BRIEF: Retype the data that follows, keeping every character the same.

Saved entries:
....
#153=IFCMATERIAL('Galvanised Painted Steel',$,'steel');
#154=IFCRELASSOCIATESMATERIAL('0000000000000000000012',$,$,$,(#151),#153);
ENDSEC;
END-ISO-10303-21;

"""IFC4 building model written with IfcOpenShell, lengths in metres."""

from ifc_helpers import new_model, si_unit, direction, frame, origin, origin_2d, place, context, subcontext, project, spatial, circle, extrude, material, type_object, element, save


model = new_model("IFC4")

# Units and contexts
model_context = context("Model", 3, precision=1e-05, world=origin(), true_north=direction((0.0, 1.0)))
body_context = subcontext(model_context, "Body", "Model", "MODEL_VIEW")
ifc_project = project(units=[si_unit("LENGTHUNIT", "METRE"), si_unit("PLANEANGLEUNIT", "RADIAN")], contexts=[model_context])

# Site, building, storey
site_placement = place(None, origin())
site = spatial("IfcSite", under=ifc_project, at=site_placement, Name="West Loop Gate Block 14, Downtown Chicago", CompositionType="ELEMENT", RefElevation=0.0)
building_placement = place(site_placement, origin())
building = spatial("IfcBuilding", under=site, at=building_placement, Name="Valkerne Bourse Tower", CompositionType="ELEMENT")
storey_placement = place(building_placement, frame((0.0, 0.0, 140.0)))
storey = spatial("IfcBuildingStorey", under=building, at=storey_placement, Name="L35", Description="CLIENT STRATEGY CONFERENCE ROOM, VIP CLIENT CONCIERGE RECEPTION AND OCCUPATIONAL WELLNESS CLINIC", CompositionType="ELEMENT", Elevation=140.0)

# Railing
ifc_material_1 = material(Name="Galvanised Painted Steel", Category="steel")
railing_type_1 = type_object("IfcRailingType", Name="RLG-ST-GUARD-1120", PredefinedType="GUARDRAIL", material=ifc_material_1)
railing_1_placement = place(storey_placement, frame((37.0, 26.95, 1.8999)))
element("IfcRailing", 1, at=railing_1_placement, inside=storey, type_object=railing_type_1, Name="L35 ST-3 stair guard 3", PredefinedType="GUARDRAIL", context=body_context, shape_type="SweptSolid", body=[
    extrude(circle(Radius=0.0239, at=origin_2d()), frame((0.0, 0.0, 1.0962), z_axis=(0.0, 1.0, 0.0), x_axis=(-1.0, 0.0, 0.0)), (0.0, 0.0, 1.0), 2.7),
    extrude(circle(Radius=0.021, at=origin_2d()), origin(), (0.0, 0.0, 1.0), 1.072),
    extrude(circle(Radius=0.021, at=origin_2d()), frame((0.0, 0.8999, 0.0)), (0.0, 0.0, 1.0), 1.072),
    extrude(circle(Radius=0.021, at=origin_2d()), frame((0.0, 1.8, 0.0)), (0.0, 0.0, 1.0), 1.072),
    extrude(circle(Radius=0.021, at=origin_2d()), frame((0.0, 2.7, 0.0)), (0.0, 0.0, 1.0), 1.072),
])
....
SOLUTION FOR THIS PROBLEM:
#153=IFCMATERIAL('Galvanised Painted Steel',$,'steel');
#154=IFCRELASSOCIATESMATERIAL('0000000000000000000012',$,$,$,(#151),#153);
ENDSEC;
END-ISO-10303-21;

"""IFC4 building model written with IfcOpenShell, lengths in metres."""

from ifc_helpers import new_model, si_unit, direction, frame, origin, origin_2d, place, context, subcontext, project, spatial, circle, extrude, material, type_object, element, save


model = new_model("IFC4")

# Units and contexts
model_context = context("Model", 3, precision=1e-05, world=origin(), true_north=direction((0.0, 1.0)))
body_context = subcontext(model_context, "Body", "Model", "MODEL_VIEW")
ifc_project = project(units=[si_unit("LENGTHUNIT", "METRE"), si_unit("PLANEANGLEUNIT", "RADIAN")], contexts=[model_context])

# Site, building, storey
site_placement = place(None, origin())
site = spatial("IfcSite", under=ifc_project, at=site_placement, Name="West Loop Gate Block 14, Downtown Chicago", CompositionType="ELEMENT", RefElevation=0.0)
building_placement = place(site_placement, origin())
building = spatial("IfcBuilding", under=site, at=building_placement, Name="Valkerne Bourse Tower", CompositionType="ELEMENT")
storey_placement = place(building_placement, frame((0.0, 0.0, 140.0)))
storey = spatial("IfcBuildingStorey", under=building, at=storey_placement, Name="L35", Description="CLIENT STRATEGY CONFERENCE ROOM, VIP CLIENT CONCIERGE RECEPTION AND OCCUPATIONAL WELLNESS CLINIC", CompositionType="ELEMENT", Elevation=140.0)

# Railing
ifc_material_1 = material(Name="Galvanised Painted Steel", Category="steel")
railing_type_1 = type_object("IfcRailingType", Name="RLG-ST-GUARD-1120", PredefinedType="GUARDRAIL", material=ifc_material_1)
railing_1_placement = place(storey_placement, frame((37.0, 26.95, 1.8999)))
element("IfcRailing", 1, at=railing_1_placement, inside=storey, type_object=railing_type_1, Name="L35 ST-3 stair guard 3", PredefinedType="GUARDRAIL", context=body_context, shape_type="SweptSolid", body=[
    extrude(circle(Radius=0.0239, at=origin_2d()), frame((0.0, 0.0, 1.0962), z_axis=(0.0, 1.0, 0.0), x_axis=(-1.0, 0.0, 0.0)), (0.0, 0.0, 1.0), 2.7),
    extrude(circle(Radius=0.021, at=origin_2d()), origin(), (0.0, 0.0, 1.0), 1.072),
    extrude(circle(Radius=0.021, at=origin_2d()), frame((0.0, 0.8999, 0.0)), (0.0, 0.0, 1.0), 1.072),
    extrude(circle(Radius=0.021, at=origin_2d()), frame((0.0, 1.8, 0.0)), (0.0, 0.0, 1.0), 1.072),
    extrude(circle(Radius=0.021, at=origin_2d()), frame((0.0, 2.7, 0.0)), (0.0, 0.0, 1.0), 1.072),
])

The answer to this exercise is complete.